[Saved entries]
===
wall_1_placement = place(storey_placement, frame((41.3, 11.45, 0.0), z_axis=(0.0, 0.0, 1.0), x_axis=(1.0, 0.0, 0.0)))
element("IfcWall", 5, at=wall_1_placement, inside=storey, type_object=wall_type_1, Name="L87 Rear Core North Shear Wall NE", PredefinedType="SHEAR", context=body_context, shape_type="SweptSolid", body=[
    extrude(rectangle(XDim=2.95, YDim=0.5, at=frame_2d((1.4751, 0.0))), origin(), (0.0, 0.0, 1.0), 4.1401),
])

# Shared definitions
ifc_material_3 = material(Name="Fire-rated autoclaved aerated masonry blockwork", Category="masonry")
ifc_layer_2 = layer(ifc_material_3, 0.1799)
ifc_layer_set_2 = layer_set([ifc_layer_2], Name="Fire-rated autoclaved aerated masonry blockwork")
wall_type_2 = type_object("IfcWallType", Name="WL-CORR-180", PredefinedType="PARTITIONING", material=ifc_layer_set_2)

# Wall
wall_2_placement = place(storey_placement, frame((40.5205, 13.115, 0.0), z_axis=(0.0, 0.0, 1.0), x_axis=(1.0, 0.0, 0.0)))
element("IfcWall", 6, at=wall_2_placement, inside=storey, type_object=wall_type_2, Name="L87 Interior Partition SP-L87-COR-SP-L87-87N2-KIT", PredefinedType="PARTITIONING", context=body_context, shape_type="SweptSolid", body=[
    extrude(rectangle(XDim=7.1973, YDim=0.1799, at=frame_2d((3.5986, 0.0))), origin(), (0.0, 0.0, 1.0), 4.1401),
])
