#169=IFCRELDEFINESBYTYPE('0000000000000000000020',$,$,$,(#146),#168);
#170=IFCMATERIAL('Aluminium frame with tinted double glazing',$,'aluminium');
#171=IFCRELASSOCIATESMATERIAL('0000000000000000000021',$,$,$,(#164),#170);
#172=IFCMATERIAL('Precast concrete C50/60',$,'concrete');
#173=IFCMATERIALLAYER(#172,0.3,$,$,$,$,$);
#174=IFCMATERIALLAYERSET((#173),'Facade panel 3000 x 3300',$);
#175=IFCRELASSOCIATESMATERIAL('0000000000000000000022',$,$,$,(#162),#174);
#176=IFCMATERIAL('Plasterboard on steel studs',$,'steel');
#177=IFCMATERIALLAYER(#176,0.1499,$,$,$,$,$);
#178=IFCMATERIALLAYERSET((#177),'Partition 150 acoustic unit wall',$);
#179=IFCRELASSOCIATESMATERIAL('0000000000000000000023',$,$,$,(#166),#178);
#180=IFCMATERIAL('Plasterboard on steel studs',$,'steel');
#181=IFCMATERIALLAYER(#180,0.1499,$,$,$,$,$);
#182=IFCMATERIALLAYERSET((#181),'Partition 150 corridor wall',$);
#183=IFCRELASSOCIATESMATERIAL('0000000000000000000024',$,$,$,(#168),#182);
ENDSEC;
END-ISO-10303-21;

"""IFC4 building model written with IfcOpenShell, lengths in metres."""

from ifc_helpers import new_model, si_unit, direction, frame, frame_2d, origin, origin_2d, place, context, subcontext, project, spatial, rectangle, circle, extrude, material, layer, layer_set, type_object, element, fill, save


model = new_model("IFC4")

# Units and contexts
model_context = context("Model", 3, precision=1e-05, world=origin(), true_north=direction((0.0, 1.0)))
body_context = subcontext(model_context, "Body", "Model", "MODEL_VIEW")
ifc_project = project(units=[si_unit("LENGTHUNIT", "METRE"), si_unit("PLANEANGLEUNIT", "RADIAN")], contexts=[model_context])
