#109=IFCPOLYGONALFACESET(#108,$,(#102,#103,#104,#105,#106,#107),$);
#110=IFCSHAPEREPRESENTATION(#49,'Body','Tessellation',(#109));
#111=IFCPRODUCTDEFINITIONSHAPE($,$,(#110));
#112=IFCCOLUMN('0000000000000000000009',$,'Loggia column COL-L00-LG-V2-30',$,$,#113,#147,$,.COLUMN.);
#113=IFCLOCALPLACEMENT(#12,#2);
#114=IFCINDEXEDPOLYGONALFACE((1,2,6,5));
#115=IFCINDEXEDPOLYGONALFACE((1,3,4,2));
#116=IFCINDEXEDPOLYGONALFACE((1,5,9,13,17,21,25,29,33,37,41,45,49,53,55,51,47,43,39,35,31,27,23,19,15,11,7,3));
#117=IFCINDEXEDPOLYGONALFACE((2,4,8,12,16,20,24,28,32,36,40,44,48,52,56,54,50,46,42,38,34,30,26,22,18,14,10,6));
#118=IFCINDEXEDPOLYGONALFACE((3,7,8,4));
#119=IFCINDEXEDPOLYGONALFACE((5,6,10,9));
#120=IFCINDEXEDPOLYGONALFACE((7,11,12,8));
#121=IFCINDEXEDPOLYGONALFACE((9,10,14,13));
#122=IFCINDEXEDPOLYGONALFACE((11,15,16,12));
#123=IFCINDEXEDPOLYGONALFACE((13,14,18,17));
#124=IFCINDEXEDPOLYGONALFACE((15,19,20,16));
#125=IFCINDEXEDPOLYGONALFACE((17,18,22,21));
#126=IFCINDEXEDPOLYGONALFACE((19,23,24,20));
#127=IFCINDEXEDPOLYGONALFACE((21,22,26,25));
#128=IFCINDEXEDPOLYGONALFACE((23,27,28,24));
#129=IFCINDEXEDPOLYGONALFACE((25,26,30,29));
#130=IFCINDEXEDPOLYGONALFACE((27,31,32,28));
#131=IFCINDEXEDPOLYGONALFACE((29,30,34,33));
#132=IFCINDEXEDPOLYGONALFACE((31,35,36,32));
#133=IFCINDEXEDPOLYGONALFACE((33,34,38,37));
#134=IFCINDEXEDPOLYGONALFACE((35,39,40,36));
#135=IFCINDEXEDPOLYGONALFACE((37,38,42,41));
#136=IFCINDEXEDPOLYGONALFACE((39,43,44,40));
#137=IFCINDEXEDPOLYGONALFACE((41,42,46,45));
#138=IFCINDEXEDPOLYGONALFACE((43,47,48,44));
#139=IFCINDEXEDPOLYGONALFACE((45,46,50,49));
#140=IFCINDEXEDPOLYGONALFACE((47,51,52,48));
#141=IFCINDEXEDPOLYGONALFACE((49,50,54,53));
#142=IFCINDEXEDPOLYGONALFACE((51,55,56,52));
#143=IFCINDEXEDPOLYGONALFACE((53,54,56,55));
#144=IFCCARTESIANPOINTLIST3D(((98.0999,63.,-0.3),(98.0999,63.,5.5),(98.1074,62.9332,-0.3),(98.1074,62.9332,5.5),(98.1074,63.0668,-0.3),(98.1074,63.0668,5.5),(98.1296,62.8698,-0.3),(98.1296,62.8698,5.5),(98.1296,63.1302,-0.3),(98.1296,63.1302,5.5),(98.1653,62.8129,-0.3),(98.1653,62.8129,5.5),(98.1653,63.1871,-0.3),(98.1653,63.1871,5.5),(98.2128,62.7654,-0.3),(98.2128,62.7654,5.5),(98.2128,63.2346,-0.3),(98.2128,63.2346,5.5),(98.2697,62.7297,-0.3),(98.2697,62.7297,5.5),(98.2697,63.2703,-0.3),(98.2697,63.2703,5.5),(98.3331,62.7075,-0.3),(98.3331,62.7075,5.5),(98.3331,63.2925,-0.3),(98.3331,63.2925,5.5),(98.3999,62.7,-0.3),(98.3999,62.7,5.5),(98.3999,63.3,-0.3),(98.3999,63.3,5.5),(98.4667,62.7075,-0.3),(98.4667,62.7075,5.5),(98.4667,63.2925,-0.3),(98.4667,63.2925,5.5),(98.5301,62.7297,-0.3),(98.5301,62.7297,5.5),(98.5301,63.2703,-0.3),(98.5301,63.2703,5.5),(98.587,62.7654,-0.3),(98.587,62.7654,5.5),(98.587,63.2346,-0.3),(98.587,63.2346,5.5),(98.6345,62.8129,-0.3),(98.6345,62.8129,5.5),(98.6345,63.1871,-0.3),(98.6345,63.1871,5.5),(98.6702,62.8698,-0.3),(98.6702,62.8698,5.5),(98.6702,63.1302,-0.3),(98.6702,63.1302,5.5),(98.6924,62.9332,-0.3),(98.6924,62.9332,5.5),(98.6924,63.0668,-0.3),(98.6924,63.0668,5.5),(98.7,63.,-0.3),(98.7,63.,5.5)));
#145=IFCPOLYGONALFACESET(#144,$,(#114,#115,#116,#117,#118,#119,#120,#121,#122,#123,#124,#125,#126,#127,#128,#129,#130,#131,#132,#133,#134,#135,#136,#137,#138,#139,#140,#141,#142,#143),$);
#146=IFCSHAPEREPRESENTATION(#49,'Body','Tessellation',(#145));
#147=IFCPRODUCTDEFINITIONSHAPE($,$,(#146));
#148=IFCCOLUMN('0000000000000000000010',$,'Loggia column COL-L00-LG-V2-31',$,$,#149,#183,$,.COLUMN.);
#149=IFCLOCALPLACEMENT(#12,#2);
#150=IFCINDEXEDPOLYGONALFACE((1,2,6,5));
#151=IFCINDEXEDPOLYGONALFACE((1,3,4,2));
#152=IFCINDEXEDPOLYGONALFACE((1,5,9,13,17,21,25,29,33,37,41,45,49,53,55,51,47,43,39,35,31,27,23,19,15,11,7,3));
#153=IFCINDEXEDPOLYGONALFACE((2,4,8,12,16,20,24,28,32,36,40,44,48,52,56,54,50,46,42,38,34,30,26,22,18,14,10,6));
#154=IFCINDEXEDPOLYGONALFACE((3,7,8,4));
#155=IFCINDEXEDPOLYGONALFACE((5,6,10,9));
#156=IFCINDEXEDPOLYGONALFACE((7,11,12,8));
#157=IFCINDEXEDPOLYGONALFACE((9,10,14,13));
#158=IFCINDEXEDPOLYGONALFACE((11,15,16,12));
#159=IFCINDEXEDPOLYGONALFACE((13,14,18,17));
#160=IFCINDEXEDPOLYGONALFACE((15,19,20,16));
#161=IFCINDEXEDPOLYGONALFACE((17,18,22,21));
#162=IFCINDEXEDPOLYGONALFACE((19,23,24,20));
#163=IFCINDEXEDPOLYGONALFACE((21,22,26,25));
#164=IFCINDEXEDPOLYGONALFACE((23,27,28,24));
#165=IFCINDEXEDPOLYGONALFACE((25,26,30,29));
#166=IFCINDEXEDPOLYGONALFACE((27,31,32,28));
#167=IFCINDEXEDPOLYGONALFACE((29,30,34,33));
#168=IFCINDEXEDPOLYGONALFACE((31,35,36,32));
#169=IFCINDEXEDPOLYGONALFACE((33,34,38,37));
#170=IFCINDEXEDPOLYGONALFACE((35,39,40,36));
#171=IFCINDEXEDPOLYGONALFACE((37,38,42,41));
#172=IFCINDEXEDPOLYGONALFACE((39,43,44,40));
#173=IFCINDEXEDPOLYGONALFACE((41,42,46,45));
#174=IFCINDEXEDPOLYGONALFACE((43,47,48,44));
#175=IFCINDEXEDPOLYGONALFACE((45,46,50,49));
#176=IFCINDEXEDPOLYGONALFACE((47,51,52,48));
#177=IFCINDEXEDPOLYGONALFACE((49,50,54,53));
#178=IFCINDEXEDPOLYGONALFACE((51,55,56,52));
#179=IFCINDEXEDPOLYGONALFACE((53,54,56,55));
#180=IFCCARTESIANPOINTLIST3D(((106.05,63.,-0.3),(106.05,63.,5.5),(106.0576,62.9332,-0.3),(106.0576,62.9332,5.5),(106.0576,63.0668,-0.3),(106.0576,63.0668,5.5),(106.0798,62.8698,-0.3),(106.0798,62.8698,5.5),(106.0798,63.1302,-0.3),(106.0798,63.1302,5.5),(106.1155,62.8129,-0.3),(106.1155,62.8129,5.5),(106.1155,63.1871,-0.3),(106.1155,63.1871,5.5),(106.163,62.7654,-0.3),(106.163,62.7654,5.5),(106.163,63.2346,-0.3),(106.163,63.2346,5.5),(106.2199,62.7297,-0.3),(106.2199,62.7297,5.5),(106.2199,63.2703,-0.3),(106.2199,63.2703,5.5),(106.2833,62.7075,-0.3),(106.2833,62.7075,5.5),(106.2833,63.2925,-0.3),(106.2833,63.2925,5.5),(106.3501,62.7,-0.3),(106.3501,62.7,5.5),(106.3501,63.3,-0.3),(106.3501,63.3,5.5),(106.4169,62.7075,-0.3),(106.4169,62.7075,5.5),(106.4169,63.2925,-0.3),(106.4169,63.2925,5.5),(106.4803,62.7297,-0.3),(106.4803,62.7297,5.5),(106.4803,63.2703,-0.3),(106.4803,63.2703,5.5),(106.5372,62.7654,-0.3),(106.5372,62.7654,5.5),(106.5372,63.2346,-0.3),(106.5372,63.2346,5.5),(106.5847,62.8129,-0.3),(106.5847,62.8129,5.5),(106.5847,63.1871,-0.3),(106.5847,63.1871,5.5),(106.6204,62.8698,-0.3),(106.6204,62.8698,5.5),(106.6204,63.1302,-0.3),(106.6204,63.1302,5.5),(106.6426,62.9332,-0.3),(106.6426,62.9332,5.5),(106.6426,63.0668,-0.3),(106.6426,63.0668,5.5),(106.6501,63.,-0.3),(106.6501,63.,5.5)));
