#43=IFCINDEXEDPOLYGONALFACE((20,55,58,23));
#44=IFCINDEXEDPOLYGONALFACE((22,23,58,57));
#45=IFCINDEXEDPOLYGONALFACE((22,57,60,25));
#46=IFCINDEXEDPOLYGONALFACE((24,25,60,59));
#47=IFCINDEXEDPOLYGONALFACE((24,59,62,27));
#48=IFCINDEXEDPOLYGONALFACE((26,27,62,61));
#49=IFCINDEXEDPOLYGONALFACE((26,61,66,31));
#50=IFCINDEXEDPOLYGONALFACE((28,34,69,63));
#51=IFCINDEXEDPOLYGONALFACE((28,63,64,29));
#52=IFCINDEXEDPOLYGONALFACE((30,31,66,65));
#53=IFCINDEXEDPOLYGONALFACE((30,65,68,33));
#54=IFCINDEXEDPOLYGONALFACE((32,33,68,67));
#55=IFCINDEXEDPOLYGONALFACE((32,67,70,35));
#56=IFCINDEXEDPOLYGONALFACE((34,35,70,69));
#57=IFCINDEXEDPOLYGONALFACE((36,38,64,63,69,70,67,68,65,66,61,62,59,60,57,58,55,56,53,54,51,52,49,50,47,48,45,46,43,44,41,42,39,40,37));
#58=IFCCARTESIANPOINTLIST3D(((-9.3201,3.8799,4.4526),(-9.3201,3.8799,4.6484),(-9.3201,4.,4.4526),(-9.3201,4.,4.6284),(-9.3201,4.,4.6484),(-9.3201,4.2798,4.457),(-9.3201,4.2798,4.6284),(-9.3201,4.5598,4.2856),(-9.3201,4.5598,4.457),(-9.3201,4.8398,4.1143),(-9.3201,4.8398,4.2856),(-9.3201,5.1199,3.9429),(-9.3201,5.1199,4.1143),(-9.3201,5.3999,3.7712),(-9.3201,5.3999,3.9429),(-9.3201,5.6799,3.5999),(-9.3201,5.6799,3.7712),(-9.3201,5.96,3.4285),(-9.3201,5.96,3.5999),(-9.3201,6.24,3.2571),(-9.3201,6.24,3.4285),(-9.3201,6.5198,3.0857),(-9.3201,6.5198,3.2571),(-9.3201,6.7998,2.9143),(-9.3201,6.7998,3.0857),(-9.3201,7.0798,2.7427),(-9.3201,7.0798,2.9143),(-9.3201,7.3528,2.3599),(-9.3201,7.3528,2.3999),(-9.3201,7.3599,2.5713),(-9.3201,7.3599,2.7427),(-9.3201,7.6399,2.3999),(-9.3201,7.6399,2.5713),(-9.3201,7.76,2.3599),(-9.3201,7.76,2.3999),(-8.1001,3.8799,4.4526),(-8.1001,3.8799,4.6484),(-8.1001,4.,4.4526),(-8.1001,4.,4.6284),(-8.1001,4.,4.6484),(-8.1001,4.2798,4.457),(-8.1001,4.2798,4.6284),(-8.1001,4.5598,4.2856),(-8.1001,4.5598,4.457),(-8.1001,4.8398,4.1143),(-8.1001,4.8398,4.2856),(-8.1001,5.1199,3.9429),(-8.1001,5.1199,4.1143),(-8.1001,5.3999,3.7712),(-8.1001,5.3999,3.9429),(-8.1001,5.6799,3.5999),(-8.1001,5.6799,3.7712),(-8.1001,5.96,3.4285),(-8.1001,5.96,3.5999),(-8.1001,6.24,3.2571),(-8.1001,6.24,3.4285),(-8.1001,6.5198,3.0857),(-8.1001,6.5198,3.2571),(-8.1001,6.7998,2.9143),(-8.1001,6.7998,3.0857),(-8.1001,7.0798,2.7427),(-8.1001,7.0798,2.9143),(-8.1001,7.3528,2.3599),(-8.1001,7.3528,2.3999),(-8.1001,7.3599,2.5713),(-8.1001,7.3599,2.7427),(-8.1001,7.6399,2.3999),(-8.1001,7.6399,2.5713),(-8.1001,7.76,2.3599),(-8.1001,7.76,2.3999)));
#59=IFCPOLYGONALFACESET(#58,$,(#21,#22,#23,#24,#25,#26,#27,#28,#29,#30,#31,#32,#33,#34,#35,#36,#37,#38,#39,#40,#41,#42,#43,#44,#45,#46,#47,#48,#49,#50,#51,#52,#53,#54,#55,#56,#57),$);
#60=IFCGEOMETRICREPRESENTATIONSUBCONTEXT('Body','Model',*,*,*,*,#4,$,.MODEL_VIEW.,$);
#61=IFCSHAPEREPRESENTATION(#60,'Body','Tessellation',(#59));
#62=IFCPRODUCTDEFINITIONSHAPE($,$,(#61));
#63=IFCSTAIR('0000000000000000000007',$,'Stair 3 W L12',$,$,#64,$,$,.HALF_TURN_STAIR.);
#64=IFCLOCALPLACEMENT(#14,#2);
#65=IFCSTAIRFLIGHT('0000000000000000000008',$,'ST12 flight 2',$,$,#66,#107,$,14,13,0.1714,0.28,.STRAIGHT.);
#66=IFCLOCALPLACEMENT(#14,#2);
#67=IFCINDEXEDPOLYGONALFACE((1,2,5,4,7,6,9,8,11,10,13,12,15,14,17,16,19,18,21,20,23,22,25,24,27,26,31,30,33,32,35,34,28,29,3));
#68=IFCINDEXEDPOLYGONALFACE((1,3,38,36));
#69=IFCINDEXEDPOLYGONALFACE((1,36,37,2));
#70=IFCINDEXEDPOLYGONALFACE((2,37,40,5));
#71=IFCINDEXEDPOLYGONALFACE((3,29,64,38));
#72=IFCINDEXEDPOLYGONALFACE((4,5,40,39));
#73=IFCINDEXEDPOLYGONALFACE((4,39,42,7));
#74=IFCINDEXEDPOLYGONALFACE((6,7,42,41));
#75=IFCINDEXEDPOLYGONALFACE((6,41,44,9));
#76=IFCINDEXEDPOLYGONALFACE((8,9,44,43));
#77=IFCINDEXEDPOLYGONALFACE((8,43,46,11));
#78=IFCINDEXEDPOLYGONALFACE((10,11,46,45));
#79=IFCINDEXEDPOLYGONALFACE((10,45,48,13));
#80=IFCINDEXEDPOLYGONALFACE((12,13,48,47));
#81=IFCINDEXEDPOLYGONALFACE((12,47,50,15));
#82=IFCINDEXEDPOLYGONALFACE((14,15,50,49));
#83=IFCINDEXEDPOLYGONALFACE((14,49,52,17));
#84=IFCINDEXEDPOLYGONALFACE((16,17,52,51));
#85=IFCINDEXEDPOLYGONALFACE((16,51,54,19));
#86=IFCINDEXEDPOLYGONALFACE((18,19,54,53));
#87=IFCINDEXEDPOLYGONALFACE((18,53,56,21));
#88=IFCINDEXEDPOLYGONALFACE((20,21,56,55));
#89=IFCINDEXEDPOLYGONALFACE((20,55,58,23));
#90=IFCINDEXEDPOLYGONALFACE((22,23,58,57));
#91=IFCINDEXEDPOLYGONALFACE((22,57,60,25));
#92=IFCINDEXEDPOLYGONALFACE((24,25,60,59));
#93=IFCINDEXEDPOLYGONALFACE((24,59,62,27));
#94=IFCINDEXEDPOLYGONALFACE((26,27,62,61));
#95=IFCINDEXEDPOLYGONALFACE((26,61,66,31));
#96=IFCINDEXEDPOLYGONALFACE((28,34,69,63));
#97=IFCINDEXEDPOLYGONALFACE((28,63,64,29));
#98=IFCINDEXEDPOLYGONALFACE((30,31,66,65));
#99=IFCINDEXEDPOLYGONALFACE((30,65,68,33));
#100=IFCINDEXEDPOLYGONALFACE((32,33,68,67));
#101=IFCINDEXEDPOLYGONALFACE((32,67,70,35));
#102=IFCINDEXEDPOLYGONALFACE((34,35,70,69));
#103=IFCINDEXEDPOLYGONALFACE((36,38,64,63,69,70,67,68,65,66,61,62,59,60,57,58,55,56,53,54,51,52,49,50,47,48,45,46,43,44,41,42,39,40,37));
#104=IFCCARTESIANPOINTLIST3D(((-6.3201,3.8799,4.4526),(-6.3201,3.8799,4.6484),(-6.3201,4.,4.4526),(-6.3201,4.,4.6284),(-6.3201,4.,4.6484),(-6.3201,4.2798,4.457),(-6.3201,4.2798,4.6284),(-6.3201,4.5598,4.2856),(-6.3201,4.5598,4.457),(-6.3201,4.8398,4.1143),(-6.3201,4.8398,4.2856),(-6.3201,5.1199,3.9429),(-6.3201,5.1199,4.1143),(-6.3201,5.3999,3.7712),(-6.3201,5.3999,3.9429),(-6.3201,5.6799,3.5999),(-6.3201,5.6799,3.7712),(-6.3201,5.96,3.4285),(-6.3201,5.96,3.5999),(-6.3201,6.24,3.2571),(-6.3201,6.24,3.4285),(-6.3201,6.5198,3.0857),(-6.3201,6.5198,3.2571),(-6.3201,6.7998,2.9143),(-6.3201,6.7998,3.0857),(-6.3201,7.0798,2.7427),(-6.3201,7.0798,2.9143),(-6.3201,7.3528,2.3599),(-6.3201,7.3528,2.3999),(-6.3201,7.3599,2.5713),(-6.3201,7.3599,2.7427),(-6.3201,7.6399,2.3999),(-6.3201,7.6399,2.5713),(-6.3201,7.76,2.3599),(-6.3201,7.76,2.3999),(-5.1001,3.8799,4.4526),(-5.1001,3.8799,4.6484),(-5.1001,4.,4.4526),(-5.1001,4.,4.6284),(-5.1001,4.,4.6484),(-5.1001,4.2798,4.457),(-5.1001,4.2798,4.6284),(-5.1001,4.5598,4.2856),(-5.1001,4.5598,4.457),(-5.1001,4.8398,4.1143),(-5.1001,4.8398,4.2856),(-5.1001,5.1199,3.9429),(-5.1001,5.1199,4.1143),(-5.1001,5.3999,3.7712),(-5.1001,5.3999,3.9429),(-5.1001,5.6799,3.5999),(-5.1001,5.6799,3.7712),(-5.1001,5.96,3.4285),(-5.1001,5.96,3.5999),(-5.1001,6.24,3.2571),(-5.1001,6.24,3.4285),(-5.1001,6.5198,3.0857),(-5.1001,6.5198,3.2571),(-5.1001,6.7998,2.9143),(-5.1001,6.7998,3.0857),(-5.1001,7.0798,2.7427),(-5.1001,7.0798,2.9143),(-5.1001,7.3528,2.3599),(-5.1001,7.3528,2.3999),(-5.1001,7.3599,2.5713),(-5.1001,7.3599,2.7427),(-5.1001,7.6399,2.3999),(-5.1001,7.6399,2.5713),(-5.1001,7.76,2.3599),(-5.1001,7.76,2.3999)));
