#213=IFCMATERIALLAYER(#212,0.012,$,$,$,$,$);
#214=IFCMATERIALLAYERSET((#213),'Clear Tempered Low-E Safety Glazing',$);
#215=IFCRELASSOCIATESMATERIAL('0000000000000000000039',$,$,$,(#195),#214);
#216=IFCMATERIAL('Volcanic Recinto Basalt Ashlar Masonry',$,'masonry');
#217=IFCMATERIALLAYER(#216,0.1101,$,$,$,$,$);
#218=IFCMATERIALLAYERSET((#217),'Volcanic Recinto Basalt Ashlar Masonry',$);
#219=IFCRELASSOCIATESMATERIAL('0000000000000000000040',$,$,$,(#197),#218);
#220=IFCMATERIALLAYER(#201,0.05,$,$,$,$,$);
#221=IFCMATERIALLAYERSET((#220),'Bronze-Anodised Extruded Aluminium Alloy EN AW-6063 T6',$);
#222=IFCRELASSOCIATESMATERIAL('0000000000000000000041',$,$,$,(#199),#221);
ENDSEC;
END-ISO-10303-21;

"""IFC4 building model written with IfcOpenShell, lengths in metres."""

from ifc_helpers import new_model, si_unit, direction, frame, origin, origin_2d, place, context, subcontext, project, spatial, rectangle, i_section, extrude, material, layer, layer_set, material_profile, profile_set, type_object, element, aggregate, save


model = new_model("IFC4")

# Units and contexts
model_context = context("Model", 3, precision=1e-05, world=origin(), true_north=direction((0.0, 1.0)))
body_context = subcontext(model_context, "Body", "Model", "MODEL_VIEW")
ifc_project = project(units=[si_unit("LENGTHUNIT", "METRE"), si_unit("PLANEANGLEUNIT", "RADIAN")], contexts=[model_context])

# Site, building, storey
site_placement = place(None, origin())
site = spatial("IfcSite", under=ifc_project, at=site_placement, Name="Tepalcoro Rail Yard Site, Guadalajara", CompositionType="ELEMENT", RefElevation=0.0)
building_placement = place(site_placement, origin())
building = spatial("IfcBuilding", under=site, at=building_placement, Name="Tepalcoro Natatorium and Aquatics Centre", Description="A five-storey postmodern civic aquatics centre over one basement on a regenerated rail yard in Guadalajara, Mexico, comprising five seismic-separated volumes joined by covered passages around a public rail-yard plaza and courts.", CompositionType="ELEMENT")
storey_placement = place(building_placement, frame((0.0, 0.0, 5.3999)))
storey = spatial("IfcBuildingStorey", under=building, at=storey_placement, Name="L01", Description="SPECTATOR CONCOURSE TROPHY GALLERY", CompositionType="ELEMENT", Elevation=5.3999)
===
THE PROBLEM:
Among the lines above, repeat exactly those from the line with "#140=IFCINDEXEDPOLYGONALFACE((47,51,52,48));" to the line with "#143=IFCINDEXEDPOLYGONALFACE((53,54,56,55));", counting both ends.

WRITTEN RESPONSE:
#140=IFCINDEXEDPOLYGONALFACE((47,51,52,48));
#141=IFCINDEXEDPOLYGONALFACE((49,50,54,53));
#142=IFCINDEXEDPOLYGONALFACE((51,55,56,52));
#143=IFCINDEXEDPOLYGONALFACE((53,54,56,55));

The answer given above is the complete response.